*** Records to process ***

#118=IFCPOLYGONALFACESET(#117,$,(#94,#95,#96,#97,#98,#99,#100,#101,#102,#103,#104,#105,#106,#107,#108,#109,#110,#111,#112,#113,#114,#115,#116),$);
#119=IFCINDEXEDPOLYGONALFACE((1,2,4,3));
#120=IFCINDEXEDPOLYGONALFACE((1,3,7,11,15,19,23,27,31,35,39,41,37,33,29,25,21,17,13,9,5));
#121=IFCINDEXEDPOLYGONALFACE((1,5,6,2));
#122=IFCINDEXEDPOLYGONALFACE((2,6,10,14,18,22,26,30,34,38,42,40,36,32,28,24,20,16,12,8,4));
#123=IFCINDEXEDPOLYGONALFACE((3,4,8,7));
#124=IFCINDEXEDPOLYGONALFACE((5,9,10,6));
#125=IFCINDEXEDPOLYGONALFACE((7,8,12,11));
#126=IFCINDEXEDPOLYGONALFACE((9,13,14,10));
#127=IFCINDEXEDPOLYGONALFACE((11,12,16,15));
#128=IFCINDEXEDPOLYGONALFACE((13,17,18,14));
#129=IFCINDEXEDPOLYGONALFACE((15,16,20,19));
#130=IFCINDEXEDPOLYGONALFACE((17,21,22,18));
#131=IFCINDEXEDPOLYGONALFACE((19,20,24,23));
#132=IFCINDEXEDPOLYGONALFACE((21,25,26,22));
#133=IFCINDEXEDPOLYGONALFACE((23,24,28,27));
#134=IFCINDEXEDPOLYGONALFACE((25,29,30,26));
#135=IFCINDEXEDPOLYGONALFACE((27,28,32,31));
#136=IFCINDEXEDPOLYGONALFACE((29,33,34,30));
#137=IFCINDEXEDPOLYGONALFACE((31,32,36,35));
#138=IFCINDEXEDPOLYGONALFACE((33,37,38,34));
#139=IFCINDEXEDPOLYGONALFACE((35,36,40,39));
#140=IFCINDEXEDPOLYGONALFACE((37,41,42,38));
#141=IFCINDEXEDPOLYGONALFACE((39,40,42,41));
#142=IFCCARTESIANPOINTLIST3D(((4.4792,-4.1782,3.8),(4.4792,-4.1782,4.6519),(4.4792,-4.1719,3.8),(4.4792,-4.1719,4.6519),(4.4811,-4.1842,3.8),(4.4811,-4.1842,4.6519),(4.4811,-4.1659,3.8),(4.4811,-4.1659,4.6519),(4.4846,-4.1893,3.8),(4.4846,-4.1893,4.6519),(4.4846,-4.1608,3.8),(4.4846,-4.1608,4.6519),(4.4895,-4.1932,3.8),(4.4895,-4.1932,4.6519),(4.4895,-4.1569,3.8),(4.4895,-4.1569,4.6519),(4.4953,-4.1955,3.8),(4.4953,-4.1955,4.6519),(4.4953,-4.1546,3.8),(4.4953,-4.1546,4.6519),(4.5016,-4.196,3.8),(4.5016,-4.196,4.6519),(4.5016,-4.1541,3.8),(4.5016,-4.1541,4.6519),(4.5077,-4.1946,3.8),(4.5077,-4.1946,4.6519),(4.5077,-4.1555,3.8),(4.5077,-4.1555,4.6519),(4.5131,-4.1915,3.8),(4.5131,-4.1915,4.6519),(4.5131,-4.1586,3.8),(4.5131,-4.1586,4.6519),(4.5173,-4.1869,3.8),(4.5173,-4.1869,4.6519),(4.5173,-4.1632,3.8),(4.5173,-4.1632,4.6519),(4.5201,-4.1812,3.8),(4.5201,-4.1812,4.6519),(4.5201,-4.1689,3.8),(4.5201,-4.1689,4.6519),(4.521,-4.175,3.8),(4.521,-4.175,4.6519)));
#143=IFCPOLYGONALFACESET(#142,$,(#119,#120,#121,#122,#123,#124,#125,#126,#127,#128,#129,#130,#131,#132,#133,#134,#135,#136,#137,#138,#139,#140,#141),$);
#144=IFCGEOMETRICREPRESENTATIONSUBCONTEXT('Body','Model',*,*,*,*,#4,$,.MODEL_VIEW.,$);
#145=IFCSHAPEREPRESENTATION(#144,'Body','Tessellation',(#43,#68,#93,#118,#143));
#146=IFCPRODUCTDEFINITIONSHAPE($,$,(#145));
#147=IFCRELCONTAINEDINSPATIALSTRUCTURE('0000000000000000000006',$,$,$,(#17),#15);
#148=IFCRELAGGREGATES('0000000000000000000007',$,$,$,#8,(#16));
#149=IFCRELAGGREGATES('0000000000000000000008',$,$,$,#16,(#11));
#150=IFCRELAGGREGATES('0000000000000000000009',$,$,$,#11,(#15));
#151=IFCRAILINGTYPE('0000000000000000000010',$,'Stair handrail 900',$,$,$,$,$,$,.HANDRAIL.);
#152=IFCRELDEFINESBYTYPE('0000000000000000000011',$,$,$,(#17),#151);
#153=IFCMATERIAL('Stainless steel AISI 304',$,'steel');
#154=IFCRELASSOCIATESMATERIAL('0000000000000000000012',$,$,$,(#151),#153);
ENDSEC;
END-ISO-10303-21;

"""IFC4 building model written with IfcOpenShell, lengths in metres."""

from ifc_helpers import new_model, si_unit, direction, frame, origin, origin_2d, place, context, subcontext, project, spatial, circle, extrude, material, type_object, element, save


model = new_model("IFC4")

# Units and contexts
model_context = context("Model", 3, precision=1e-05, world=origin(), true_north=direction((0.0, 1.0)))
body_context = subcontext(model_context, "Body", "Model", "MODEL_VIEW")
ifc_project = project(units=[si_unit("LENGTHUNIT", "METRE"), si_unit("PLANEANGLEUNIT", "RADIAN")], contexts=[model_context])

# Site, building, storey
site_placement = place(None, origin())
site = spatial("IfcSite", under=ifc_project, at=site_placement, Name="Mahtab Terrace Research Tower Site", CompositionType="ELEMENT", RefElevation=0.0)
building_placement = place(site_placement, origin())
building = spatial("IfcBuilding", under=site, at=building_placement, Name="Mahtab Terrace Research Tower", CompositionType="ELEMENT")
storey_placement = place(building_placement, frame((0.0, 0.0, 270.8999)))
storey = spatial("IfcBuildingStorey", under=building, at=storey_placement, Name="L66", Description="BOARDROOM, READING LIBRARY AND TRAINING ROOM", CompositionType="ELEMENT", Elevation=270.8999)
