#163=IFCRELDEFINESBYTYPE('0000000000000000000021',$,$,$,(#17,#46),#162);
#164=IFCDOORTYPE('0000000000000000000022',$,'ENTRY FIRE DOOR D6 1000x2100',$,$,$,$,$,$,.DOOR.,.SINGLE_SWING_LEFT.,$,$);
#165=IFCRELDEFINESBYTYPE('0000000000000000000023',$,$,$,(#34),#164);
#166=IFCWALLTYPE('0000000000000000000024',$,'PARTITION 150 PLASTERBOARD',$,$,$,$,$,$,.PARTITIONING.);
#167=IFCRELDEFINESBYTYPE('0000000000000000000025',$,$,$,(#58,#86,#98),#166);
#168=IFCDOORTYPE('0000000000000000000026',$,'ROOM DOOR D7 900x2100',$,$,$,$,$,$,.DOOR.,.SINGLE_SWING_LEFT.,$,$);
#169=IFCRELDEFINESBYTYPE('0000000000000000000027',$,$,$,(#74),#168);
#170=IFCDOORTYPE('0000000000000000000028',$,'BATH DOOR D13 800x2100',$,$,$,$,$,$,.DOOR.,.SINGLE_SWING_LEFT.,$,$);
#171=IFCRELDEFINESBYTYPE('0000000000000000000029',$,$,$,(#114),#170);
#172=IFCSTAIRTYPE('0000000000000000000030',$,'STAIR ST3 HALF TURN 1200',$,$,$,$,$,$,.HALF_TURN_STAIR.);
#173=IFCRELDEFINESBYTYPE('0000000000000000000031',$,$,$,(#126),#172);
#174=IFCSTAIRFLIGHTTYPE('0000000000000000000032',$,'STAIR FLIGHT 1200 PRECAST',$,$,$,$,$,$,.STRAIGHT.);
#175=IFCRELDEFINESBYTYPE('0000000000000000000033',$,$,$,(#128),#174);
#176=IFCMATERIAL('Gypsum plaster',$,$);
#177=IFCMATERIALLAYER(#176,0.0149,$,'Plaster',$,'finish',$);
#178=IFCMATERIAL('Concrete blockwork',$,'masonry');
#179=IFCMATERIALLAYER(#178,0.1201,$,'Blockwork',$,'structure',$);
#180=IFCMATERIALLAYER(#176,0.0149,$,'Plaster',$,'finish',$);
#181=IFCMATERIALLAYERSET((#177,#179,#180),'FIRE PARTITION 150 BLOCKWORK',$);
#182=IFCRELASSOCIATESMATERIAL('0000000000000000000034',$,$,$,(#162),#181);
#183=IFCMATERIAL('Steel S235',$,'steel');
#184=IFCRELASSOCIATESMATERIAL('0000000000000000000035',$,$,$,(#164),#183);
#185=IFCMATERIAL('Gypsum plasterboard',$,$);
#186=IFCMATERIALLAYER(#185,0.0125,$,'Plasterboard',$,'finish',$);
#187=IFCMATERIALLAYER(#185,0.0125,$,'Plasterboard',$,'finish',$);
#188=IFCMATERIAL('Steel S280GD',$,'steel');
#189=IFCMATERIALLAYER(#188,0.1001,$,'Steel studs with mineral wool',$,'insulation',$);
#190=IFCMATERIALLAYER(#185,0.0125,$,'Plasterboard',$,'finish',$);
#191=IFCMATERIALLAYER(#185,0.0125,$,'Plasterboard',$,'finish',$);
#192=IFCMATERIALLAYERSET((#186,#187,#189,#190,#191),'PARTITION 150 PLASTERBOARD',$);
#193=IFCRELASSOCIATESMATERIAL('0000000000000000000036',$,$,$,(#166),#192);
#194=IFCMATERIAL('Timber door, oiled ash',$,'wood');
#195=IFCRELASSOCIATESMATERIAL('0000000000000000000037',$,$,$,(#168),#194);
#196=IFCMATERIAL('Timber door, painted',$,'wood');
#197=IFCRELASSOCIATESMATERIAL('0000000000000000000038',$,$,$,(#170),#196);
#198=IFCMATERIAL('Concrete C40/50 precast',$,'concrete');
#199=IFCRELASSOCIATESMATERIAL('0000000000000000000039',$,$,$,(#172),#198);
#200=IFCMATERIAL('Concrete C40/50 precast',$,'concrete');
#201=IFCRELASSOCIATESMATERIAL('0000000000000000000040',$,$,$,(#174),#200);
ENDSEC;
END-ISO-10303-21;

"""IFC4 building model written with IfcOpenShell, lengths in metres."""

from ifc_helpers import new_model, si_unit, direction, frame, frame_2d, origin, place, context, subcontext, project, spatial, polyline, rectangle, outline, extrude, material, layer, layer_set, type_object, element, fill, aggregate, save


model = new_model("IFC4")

***
*** Records to process ***

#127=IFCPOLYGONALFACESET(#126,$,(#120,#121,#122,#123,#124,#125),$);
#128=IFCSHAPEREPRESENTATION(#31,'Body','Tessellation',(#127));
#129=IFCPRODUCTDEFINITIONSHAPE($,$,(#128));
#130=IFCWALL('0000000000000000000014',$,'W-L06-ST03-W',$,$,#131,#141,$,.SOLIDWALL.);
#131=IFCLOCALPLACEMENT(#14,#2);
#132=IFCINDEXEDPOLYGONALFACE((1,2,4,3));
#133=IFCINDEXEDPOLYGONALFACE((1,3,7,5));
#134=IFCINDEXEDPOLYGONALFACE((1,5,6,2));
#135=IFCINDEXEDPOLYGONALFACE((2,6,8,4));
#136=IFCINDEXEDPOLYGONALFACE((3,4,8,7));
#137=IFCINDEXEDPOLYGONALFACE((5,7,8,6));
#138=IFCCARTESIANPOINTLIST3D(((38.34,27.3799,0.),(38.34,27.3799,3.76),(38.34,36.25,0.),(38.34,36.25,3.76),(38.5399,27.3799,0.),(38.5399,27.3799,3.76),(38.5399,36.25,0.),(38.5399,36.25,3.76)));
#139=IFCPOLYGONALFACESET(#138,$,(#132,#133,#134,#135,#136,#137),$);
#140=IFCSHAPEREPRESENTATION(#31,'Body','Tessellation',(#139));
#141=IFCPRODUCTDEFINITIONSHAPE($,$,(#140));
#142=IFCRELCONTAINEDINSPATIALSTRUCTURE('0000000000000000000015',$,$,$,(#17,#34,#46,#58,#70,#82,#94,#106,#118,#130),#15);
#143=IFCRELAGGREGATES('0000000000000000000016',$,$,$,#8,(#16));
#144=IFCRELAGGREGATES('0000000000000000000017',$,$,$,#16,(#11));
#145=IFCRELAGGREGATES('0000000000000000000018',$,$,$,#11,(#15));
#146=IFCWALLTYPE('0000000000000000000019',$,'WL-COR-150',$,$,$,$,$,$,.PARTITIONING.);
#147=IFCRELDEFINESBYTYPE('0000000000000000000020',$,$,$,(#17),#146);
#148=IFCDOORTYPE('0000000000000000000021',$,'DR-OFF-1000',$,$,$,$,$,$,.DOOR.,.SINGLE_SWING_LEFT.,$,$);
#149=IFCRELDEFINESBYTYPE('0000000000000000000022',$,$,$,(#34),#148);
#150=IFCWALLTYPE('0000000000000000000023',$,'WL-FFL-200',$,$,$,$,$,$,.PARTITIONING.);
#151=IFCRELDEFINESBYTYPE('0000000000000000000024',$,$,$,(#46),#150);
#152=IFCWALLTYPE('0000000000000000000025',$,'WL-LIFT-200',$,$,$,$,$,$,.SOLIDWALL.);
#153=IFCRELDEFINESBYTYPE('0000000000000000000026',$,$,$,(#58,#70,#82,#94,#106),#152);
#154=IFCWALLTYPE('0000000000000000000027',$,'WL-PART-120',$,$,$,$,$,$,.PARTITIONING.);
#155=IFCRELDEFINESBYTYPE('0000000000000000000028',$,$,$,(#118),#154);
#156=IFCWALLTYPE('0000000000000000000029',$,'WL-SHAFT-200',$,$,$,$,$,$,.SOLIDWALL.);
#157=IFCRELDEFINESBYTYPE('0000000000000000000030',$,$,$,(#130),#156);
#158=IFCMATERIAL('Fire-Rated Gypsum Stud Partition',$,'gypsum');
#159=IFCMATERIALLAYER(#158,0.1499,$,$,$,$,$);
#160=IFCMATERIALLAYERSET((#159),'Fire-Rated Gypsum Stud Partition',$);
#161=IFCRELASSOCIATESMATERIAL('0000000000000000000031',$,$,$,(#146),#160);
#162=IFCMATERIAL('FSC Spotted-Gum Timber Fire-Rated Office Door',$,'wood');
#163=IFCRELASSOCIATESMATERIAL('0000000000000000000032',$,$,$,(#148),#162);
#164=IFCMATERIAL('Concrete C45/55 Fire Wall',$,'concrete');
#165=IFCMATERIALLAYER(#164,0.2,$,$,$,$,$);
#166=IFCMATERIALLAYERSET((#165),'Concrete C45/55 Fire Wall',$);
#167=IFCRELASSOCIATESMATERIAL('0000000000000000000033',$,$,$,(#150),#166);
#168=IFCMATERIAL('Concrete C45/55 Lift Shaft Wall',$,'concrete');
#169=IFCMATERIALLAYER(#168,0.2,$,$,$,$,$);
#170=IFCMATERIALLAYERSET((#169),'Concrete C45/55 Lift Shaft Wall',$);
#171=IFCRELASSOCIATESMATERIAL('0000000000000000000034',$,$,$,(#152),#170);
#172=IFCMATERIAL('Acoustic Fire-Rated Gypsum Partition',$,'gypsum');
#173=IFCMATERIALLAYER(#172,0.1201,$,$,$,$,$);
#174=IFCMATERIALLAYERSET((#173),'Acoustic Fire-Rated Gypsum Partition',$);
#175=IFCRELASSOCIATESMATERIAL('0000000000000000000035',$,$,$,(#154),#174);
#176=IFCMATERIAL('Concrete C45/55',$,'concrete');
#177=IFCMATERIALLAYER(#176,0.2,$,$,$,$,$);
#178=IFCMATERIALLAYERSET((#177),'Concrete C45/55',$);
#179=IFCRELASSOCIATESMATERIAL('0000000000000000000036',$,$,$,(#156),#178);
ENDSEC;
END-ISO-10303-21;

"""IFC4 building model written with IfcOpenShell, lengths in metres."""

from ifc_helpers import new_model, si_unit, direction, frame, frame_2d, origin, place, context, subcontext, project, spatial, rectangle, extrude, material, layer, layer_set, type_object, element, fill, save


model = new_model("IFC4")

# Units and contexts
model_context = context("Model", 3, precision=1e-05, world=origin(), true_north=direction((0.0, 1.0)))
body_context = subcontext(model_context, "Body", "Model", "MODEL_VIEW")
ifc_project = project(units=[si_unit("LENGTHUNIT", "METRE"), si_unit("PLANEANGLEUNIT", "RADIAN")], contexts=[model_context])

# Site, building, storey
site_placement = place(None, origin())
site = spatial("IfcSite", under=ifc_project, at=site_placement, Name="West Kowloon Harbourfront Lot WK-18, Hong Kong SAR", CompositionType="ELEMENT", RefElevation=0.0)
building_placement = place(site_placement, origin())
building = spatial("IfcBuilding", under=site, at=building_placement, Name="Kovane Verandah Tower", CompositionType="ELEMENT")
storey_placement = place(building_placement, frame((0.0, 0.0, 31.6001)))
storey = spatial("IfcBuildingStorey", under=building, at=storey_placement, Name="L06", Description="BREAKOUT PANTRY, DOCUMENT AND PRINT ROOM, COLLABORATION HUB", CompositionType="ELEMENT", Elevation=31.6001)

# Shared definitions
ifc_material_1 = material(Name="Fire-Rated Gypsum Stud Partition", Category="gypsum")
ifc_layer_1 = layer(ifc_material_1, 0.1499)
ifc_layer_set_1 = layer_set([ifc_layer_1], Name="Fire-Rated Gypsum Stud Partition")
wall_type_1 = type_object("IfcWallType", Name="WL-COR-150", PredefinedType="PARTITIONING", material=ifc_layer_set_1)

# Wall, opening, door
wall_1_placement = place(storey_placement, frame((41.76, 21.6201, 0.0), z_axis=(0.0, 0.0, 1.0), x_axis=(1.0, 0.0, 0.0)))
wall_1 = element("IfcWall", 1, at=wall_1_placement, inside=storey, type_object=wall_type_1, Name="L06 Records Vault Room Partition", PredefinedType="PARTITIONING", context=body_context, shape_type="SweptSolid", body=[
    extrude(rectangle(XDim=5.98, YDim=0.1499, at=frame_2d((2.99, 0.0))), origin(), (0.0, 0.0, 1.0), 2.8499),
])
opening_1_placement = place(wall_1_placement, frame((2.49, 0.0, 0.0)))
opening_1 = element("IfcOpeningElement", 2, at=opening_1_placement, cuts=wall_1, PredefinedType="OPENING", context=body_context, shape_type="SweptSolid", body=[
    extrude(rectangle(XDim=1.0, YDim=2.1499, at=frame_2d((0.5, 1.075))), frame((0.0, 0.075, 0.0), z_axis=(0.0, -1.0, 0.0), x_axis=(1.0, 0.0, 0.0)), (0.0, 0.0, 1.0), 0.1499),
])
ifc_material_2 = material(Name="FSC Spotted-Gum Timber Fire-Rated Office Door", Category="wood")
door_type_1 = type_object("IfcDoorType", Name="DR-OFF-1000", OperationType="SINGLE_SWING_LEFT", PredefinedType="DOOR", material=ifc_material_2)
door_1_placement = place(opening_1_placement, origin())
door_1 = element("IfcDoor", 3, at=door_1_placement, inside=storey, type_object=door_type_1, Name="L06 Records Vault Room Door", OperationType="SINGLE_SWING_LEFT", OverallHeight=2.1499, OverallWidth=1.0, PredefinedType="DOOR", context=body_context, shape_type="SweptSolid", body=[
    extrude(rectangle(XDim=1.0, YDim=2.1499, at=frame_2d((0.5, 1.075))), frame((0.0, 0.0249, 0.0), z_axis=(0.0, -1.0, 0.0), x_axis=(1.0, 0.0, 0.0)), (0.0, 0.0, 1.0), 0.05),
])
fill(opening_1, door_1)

***

What is required.
Filter the entries by the string "IFCPRODUCTDEFINITIONSHAPE" and copy each matching line.

Expected answer.
#146=IFCPRODUCTDEFINITIONSHAPE($,$,(#145));
#129=IFCPRODUCTDEFINITIONSHAPE($,$,(#128));
#141=IFCPRODUCTDEFINITIONSHAPE($,$,(#140));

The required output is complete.